What the task requires: Only the line containing "x_axis=(-0.915665, 0.401942, 0.0)))" and those after it, up to the end of the records below, are to be set down, exactly as written.

Records from a collection:
┌──
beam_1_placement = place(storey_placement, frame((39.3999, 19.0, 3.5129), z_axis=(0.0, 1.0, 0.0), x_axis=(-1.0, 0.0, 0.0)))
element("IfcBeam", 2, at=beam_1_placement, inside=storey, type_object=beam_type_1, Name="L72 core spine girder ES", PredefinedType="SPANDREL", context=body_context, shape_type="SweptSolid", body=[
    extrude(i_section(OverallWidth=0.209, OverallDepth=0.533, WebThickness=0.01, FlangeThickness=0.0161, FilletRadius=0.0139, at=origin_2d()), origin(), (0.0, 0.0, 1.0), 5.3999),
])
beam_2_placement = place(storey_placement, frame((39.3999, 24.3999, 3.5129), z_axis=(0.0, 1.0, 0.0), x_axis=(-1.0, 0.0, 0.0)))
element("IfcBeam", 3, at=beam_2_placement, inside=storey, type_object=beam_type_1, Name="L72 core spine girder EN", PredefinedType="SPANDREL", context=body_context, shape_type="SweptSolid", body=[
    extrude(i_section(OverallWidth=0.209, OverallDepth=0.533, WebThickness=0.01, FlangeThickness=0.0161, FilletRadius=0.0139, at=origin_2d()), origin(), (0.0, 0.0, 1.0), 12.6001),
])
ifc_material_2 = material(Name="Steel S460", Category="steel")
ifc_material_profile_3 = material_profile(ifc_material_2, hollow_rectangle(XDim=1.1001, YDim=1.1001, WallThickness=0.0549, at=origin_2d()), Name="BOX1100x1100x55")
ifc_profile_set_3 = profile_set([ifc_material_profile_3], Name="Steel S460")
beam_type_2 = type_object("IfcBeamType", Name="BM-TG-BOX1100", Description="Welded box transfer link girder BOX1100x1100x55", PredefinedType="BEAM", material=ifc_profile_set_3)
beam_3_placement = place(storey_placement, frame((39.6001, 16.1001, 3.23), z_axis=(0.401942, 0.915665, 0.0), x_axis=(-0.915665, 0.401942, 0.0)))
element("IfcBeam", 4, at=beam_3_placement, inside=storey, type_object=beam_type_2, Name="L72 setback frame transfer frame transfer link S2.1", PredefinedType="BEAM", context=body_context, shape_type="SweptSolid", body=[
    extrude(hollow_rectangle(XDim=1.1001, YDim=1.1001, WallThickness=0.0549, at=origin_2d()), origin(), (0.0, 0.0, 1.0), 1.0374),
└──
Response to this task:
beam_3_placement = place(storey_placement, frame((39.6001, 16.1001, 3.23), z_axis=(0.401942, 0.915665, 0.0), x_axis=(-0.915665, 0.401942, 0.0)))
element("IfcBeam", 4, at=beam_3_placement, inside=storey, type_object=beam_type_2, Name="L72 setback frame transfer frame transfer link S2.1", PredefinedType="BEAM", context=body_context, shape_type="SweptSolid", body=[
    extrude(hollow_rectangle(XDim=1.1001, YDim=1.1001, WallThickness=0.0549, at=origin_2d()), origin(), (0.0, 0.0, 1.0), 1.0374),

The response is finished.